= AIM OF THE TASK =
Repeat precisely the span of lines below that opens with the line containing "#14=IFCLOCALPLACEMENT(#10,#13);" and closes with the line containing "#16=IFCSITE('0000000000000000000004',$,'Krzemoval Escarpment Law", both included.

= SUPPLIED INFORMATION =
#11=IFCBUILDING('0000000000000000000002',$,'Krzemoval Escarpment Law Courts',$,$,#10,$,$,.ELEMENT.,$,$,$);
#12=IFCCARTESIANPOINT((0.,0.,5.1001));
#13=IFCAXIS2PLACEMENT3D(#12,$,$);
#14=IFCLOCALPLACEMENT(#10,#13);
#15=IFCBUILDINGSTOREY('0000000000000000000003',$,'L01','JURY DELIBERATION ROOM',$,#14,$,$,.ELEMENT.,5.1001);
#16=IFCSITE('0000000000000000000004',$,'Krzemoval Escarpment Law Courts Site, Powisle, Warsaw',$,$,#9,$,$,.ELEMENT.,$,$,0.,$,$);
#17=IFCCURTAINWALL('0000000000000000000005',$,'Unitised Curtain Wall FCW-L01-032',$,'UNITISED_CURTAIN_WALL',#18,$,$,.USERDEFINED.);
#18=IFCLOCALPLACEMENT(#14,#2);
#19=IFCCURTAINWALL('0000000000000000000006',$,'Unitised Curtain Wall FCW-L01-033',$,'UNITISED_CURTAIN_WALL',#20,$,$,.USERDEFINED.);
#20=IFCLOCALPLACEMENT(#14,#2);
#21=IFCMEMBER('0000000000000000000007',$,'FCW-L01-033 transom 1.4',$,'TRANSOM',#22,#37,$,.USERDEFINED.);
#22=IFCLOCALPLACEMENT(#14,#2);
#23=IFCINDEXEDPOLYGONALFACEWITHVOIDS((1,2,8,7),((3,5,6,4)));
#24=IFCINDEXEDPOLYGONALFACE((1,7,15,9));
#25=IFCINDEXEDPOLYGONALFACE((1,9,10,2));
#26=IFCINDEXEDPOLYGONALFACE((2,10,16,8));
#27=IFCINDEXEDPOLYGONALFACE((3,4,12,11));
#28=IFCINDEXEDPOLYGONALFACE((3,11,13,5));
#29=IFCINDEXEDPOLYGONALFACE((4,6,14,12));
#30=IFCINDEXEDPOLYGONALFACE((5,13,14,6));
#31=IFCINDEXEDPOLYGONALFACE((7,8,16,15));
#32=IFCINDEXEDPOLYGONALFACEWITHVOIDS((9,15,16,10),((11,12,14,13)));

* * *

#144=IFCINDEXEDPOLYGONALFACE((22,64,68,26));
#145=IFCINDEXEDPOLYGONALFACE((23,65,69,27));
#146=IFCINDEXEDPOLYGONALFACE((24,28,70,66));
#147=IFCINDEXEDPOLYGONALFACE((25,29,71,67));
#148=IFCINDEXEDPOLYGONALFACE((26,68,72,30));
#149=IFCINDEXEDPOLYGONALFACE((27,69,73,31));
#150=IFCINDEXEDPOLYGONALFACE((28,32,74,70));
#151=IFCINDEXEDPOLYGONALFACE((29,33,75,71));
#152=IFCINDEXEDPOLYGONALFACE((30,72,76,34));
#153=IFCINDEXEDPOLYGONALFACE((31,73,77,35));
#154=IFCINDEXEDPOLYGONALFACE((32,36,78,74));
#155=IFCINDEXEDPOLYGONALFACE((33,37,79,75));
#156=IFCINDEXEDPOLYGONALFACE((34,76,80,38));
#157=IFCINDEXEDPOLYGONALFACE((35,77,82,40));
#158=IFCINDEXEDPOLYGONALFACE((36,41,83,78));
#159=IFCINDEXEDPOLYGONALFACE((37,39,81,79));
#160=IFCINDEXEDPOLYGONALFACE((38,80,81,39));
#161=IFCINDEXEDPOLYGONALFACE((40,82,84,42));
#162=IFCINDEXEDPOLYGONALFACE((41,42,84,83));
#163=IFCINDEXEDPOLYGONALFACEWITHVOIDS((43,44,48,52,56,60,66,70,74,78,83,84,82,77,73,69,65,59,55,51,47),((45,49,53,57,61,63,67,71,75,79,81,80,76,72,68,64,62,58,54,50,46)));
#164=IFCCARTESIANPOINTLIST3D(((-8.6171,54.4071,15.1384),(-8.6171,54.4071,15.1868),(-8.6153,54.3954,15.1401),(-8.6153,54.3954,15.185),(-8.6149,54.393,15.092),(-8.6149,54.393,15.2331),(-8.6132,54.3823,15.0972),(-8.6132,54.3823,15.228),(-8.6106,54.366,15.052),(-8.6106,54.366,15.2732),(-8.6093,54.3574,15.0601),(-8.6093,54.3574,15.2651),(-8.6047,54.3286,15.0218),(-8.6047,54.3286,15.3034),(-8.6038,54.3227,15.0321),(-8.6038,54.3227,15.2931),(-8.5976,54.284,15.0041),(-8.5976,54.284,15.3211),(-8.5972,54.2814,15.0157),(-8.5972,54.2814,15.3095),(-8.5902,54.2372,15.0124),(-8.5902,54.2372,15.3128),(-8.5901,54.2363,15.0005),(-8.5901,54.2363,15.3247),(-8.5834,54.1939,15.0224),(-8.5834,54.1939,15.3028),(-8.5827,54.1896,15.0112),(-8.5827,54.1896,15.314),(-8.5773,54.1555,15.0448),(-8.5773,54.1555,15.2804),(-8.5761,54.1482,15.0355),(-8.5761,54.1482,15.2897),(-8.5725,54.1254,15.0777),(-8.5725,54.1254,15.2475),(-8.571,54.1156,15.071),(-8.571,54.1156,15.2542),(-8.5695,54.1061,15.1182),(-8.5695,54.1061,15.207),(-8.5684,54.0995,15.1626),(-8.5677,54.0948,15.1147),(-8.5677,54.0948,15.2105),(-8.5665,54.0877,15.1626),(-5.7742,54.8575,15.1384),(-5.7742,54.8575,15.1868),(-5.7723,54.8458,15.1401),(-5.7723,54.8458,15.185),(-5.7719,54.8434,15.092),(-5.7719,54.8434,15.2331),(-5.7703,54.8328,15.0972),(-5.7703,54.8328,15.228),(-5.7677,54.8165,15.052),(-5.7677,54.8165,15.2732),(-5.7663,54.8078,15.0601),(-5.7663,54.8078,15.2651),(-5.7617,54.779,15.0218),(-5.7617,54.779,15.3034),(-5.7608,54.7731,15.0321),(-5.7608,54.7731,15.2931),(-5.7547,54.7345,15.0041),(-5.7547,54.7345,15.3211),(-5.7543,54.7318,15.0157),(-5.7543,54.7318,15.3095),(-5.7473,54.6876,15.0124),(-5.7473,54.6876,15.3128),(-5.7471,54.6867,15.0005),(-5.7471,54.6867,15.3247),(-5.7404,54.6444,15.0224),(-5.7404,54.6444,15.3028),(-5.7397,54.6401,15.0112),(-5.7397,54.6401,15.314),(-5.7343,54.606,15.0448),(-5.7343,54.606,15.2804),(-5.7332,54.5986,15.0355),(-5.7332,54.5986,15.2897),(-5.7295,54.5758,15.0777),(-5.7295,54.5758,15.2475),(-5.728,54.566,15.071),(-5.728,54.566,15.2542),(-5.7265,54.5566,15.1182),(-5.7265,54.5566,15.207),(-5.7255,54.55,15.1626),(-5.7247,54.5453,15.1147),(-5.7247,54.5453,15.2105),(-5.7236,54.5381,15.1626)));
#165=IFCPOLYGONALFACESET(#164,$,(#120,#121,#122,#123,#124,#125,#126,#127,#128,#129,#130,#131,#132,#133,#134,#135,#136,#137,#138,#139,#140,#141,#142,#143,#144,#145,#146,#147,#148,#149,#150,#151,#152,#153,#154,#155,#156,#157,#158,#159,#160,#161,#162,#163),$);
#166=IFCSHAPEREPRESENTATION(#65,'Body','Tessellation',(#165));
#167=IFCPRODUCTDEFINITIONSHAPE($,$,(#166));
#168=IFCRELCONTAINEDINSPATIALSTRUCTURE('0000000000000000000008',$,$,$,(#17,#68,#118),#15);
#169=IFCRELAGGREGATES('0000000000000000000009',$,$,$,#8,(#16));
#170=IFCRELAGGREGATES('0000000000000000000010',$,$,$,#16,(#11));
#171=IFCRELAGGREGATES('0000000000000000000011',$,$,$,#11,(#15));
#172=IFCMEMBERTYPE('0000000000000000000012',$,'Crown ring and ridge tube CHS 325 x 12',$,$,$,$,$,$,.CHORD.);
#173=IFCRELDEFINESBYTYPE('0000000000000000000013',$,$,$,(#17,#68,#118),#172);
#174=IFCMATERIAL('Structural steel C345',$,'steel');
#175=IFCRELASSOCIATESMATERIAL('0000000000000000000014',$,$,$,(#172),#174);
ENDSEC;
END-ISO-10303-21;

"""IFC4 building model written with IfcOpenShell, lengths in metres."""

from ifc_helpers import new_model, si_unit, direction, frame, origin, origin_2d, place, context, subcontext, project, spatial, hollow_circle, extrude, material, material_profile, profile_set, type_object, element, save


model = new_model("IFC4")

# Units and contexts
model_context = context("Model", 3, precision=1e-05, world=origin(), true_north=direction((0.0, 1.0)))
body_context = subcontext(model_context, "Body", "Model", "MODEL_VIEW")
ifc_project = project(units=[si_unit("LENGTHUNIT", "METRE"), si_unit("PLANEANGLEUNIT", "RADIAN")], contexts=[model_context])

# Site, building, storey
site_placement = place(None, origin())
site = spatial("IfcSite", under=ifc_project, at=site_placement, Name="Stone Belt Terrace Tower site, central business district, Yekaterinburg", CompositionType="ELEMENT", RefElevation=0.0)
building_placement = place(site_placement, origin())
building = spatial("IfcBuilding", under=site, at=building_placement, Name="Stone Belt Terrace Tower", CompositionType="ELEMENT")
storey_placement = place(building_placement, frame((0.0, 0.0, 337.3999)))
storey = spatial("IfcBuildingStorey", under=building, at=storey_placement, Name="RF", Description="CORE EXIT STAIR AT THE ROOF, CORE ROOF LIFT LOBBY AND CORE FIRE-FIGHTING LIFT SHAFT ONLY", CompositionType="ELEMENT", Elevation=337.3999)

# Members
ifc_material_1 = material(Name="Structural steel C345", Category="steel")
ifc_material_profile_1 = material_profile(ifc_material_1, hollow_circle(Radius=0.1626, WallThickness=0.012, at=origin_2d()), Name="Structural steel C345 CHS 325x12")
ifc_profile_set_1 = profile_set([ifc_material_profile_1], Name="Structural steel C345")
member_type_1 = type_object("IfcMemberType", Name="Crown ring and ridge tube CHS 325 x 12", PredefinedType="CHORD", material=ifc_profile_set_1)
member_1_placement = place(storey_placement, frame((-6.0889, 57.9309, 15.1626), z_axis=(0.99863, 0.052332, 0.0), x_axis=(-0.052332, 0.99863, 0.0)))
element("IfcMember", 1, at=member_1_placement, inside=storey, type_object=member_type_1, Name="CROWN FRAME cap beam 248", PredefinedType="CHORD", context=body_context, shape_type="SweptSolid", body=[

...

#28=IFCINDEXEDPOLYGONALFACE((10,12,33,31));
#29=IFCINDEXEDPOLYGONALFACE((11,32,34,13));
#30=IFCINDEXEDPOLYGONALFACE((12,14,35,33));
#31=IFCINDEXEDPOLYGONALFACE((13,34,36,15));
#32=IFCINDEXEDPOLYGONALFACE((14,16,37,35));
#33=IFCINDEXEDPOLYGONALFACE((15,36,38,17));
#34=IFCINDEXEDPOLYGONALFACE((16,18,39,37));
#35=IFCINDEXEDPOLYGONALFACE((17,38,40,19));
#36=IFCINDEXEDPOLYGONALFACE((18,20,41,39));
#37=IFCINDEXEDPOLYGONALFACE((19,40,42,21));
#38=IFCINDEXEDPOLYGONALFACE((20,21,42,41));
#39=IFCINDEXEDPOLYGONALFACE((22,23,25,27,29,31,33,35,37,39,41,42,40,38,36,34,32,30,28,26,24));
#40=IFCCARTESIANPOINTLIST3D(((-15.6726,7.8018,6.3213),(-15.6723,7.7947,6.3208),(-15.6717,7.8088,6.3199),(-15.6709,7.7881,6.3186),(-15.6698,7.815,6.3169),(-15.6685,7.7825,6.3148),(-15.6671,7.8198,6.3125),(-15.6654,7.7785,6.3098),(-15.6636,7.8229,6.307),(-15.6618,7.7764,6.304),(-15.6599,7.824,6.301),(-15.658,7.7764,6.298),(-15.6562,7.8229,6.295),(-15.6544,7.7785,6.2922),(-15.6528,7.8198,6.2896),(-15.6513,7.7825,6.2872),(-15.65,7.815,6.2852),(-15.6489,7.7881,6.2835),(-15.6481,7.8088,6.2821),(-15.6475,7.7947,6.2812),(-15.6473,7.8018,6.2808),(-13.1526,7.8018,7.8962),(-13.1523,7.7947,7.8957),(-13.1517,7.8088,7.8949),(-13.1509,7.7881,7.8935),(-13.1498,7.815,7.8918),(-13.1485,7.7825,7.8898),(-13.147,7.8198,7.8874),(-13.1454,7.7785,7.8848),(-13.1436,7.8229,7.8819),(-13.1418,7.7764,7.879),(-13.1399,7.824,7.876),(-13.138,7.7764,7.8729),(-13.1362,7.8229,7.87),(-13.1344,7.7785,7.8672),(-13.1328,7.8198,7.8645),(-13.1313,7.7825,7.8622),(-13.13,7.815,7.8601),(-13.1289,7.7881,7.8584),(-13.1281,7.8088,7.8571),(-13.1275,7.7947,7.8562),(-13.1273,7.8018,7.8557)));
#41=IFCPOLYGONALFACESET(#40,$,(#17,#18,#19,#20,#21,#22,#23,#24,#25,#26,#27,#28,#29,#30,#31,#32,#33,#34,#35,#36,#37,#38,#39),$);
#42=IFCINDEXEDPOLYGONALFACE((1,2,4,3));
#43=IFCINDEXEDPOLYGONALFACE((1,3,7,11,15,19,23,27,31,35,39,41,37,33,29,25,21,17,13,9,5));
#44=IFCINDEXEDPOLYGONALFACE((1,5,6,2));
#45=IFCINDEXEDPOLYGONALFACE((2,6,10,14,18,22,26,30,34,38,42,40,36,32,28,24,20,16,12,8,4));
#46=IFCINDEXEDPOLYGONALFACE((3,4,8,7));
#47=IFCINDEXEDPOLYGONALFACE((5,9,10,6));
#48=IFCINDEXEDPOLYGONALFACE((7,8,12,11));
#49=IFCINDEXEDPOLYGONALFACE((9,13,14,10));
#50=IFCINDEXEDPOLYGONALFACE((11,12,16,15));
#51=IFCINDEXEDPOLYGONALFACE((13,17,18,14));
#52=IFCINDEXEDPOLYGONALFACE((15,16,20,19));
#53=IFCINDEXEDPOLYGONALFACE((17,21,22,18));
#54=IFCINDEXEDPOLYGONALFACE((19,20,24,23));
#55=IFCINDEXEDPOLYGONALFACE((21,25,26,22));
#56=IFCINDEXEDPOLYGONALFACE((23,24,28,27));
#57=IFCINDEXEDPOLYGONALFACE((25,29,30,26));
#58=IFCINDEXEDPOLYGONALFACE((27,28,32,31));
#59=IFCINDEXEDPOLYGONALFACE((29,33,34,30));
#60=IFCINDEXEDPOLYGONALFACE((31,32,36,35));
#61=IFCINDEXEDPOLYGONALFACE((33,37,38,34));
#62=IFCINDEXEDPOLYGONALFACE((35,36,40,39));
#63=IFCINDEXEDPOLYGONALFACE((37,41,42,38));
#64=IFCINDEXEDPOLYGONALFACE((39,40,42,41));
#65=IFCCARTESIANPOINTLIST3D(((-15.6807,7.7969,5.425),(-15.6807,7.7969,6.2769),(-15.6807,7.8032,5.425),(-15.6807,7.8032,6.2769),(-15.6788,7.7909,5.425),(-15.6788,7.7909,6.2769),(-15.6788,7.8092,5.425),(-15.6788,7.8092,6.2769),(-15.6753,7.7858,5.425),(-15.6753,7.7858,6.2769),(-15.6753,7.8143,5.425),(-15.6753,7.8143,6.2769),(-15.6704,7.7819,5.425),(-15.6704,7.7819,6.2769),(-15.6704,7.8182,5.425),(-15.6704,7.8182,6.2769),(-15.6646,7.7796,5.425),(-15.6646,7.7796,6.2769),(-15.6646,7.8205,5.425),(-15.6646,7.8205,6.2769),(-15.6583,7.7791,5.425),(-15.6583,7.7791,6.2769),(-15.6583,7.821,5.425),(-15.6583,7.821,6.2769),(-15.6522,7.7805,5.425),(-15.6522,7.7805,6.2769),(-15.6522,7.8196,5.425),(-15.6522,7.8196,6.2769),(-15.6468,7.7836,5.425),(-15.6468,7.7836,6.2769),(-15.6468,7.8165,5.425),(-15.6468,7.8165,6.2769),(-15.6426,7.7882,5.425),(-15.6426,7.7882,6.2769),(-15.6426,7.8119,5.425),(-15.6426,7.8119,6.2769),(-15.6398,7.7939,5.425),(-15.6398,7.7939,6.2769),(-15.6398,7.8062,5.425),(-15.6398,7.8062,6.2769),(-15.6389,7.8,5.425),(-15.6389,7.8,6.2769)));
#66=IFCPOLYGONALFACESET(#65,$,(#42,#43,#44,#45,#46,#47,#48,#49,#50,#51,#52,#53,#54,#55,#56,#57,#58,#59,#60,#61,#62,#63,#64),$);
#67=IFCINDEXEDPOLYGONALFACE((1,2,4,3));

= SOLUTION TO THIS PROBLEM =
#14=IFCLOCALPLACEMENT(#10,#13);
#15=IFCBUILDINGSTOREY('0000000000000000000003',$,'L01','JURY DELIBERATION ROOM',$,#14,$,$,.ELEMENT.,5.1001);
#16=IFCSITE('0000000000000000000004',$,'Krzemoval Escarpment Law Courts Site, Powisle, Warsaw',$,$,#9,$,$,.ELEMENT.,$,$,0.,$,$);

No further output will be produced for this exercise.